═══ Supplied material ═══

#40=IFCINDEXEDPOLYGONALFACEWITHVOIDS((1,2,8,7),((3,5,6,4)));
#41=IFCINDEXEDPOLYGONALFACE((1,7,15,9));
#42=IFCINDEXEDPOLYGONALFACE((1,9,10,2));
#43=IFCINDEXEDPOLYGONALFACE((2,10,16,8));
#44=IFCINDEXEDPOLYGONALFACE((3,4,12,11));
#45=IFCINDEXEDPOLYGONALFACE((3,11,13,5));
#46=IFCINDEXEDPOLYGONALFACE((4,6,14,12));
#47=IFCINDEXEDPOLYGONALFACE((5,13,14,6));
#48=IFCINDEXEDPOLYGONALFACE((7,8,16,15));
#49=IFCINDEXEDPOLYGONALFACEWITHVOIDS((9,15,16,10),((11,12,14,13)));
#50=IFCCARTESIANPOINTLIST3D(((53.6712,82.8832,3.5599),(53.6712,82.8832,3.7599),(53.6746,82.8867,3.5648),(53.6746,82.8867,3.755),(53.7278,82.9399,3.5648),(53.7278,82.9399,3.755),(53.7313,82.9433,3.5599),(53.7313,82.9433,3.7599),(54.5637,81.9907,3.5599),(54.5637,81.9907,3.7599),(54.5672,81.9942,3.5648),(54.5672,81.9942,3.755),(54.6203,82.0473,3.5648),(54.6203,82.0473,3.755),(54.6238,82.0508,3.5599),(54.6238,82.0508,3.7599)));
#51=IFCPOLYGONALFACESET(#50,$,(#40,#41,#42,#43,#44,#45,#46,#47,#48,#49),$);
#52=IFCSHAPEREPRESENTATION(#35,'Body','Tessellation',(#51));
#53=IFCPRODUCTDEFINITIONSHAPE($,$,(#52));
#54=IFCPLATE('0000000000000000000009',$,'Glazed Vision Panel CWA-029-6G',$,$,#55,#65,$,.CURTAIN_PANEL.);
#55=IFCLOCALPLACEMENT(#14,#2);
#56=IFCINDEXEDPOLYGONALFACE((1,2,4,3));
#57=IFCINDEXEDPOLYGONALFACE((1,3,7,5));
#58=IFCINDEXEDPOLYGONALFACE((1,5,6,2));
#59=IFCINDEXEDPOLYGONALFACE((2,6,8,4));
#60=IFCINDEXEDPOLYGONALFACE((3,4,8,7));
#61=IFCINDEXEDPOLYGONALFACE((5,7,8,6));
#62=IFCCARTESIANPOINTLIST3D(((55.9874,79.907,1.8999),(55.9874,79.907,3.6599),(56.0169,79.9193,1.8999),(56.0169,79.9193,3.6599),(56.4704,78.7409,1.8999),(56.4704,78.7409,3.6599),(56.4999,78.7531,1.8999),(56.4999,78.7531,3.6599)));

═══

§ **About this exercise**
Wherever a line holds the word "IFCINDEXEDPOLYGONALFACEWITHVOIDS", copy that line out of the entries above.

§ **Answer space**
#40=IFCINDEXEDPOLYGONALFACEWITHVOIDS((1,2,8,7),((3,5,6,4)));
#49=IFCINDEXEDPOLYGONALFACEWITHVOIDS((9,15,16,10),((11,12,14,13)));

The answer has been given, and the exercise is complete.